Work to complete →
In the listing that follows, determine how many lines include the word "Kaelvorn". Respond with that number alone.
========
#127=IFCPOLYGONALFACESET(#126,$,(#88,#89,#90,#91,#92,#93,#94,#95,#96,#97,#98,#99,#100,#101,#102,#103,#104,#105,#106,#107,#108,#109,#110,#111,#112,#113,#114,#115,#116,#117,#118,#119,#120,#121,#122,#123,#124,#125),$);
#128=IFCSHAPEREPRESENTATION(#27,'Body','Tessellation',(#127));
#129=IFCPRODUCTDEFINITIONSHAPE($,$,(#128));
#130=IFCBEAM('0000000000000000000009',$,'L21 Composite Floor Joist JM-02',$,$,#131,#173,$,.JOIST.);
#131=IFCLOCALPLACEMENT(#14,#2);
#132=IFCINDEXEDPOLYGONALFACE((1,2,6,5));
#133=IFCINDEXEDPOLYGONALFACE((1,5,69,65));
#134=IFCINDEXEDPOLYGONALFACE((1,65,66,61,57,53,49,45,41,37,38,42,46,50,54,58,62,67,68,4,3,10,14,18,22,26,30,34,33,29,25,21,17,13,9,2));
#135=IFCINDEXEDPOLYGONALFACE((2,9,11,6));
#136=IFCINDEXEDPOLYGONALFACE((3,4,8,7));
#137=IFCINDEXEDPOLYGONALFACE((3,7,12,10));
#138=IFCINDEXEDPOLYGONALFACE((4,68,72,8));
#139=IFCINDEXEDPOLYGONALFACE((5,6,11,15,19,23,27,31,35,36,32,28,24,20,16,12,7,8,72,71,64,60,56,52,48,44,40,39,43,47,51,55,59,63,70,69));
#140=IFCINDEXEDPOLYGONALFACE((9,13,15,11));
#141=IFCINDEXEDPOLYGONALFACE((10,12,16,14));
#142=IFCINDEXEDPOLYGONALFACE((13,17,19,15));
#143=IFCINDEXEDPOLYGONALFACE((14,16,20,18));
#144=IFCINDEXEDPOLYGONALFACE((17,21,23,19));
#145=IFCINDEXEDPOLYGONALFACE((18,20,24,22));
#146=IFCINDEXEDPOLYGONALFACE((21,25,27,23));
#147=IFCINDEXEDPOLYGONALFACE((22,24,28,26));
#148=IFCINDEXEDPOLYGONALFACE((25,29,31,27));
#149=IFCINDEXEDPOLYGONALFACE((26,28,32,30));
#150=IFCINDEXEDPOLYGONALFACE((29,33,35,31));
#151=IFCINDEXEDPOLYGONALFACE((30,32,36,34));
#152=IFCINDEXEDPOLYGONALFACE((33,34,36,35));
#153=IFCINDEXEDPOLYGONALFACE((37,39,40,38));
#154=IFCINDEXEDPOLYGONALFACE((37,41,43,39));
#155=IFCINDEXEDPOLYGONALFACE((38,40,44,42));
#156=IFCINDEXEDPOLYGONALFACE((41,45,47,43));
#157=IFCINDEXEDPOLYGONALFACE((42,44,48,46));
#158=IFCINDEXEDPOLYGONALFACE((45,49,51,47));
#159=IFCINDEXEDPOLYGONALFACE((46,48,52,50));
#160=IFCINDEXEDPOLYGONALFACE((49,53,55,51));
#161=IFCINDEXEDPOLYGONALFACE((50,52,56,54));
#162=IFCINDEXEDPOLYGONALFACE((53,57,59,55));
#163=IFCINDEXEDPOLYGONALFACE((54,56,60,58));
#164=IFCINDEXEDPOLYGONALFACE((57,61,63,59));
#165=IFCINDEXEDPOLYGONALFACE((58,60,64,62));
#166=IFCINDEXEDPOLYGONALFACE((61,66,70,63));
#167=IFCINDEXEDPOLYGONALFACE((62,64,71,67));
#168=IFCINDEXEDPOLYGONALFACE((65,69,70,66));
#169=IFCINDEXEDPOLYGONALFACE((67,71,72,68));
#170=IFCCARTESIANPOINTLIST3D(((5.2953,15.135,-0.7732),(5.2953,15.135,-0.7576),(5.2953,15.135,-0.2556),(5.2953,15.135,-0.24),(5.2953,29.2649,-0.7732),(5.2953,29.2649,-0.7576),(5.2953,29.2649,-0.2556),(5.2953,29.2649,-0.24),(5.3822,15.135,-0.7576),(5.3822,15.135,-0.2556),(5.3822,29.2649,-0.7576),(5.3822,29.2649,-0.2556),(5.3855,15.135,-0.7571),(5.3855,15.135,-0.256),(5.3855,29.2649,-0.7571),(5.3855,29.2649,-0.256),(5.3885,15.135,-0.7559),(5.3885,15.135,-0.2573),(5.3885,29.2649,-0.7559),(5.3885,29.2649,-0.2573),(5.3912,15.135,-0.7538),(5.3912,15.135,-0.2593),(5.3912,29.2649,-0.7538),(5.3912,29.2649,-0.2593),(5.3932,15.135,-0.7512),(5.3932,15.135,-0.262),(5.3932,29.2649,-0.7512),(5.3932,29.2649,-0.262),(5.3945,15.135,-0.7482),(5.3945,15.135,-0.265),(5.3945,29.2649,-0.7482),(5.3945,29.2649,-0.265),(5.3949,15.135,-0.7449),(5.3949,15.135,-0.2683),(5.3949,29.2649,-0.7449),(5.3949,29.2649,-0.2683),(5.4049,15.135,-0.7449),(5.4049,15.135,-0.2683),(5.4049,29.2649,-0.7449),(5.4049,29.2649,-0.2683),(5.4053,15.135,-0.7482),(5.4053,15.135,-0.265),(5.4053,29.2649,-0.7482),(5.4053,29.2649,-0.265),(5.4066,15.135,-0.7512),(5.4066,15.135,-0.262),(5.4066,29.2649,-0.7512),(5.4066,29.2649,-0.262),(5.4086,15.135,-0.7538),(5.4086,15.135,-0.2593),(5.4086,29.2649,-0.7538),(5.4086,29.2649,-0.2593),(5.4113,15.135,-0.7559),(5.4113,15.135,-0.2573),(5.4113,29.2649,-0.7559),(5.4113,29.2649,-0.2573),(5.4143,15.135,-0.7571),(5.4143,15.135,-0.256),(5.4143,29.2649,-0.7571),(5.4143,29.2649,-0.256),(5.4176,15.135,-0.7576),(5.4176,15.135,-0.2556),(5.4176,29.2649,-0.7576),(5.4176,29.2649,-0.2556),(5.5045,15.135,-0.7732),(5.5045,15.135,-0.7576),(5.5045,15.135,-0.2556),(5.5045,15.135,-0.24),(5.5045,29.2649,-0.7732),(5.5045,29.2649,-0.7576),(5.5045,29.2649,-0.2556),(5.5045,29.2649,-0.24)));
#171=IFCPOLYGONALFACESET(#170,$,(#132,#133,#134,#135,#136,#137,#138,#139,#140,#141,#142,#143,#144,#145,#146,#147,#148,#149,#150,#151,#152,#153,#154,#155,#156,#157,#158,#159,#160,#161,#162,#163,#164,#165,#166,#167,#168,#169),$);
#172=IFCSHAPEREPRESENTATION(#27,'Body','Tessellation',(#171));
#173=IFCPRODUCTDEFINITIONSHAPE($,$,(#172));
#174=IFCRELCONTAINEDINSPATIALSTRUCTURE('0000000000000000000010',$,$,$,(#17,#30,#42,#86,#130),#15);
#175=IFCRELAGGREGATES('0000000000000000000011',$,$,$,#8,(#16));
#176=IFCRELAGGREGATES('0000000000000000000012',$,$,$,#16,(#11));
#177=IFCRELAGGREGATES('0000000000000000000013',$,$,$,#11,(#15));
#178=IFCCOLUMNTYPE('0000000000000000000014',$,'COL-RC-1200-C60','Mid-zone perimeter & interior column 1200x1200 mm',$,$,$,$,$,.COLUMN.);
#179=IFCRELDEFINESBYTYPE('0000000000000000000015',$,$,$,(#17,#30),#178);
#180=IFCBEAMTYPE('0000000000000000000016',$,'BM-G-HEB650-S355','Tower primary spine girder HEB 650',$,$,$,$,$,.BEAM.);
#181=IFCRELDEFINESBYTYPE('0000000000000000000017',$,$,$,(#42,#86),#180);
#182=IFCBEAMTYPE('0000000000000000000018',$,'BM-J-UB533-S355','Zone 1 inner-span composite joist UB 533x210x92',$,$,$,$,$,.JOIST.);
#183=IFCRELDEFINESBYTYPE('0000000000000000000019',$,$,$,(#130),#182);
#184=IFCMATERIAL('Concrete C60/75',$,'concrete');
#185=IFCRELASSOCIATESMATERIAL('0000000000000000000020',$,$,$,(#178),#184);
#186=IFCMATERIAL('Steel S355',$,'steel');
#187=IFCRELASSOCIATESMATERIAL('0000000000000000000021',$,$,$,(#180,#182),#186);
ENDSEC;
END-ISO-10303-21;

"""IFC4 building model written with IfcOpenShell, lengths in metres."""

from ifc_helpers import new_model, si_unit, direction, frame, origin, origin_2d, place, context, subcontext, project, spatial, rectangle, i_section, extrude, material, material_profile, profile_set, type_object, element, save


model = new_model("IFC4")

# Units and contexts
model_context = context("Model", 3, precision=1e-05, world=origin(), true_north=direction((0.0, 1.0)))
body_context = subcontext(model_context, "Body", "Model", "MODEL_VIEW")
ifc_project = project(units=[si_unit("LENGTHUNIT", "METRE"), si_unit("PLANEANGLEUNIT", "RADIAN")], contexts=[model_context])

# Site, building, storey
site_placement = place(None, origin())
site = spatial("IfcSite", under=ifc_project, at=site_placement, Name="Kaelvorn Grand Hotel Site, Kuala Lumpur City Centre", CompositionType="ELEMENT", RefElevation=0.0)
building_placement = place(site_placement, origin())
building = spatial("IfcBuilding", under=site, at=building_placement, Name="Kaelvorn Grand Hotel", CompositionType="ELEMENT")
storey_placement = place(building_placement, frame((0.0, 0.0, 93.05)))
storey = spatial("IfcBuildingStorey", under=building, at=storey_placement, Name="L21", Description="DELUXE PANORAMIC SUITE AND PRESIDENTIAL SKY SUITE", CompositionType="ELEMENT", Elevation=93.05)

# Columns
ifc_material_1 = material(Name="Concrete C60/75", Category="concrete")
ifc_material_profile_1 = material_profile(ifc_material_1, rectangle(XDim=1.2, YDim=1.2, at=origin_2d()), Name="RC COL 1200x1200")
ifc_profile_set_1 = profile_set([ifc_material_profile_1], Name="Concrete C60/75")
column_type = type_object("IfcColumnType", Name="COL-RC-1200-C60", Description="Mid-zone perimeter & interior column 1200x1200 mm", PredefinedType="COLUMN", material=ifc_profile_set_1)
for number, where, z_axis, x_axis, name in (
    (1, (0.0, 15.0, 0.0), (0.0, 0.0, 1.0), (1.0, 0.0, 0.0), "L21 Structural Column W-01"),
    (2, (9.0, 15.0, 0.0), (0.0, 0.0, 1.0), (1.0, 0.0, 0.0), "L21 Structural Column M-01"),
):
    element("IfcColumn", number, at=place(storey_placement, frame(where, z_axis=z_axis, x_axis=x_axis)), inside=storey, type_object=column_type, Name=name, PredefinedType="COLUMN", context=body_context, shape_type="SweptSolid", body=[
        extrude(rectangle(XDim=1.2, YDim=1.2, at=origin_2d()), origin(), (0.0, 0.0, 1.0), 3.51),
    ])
========
Written response →
2